(Stored data entries)
------------------------

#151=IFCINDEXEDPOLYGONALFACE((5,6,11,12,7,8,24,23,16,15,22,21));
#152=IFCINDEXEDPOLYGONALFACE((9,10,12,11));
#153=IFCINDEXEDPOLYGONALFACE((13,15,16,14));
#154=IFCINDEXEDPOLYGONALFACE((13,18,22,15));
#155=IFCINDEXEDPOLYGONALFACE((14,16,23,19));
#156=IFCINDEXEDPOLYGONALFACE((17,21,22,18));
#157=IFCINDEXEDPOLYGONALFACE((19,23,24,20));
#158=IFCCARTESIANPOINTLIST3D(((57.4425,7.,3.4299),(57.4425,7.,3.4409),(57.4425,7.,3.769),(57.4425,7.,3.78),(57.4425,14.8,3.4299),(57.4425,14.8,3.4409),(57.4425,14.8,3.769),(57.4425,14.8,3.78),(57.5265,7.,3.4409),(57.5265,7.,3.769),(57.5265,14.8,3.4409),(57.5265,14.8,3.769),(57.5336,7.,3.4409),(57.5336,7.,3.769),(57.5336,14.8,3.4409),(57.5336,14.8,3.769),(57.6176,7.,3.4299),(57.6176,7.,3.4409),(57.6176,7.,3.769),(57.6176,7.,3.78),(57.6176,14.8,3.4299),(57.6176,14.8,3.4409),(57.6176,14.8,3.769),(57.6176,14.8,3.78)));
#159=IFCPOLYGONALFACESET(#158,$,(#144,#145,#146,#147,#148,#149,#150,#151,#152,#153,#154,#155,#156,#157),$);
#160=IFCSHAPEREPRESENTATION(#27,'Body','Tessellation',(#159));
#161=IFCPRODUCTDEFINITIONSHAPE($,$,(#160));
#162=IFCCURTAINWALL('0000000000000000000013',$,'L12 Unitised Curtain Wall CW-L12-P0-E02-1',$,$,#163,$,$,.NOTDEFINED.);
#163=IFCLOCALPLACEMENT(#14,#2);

------------------------

Problem statement
Every line from the one with "#161=IFCPRODUCTDEFINITIONSHAPE($,$,(#160));" through the last line of the records above should be returned exactly, please, and no others.

Task output
#161=IFCPRODUCTDEFINITIONSHAPE($,$,(#160));
#162=IFCCURTAINWALL('0000000000000000000013',$,'L12 Unitised Curtain Wall CW-L12-P0-E02-1',$,$,#163,$,$,.NOTDEFINED.);
#163=IFCLOCALPLACEMENT(#14,#2);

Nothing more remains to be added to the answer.